Search each line of the data for the word "faced"; copy every line where it is found.

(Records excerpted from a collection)
Start of Block

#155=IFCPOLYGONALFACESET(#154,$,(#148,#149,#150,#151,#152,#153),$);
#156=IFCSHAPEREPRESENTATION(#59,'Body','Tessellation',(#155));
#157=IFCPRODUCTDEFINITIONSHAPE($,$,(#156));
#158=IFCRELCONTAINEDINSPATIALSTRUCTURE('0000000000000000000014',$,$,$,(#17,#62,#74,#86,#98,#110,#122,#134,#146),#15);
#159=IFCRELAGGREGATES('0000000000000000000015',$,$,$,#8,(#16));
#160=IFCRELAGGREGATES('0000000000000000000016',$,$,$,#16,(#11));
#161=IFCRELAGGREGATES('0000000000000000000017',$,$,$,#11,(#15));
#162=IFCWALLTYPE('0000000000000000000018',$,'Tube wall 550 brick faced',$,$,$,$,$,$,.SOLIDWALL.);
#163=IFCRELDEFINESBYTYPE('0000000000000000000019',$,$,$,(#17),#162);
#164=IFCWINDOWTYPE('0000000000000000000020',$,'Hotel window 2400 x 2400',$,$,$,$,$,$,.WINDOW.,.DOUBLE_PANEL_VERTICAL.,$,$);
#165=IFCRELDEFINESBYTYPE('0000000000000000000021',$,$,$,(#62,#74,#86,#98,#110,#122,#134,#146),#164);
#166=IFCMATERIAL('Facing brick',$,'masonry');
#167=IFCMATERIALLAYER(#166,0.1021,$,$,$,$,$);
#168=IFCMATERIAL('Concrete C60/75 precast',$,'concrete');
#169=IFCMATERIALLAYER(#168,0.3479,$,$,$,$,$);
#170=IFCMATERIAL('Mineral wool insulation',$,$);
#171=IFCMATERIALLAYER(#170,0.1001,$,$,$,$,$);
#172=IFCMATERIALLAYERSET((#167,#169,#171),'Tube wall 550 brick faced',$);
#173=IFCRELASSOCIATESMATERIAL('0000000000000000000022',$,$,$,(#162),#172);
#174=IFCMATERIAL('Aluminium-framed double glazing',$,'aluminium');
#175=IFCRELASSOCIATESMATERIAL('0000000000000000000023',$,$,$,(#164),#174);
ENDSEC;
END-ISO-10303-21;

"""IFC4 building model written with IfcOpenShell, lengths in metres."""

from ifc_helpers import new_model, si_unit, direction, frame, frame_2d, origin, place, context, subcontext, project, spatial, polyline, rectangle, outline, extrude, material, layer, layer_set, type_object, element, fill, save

End of Block

Answer area:
#162=IFCWALLTYPE('0000000000000000000018',$,'Tube wall 550 brick faced',$,$,$,$,$,$,.SOLIDWALL.);
#172=IFCMATERIALLAYERSET((#167,#169,#171),'Tube wall 550 brick faced',$);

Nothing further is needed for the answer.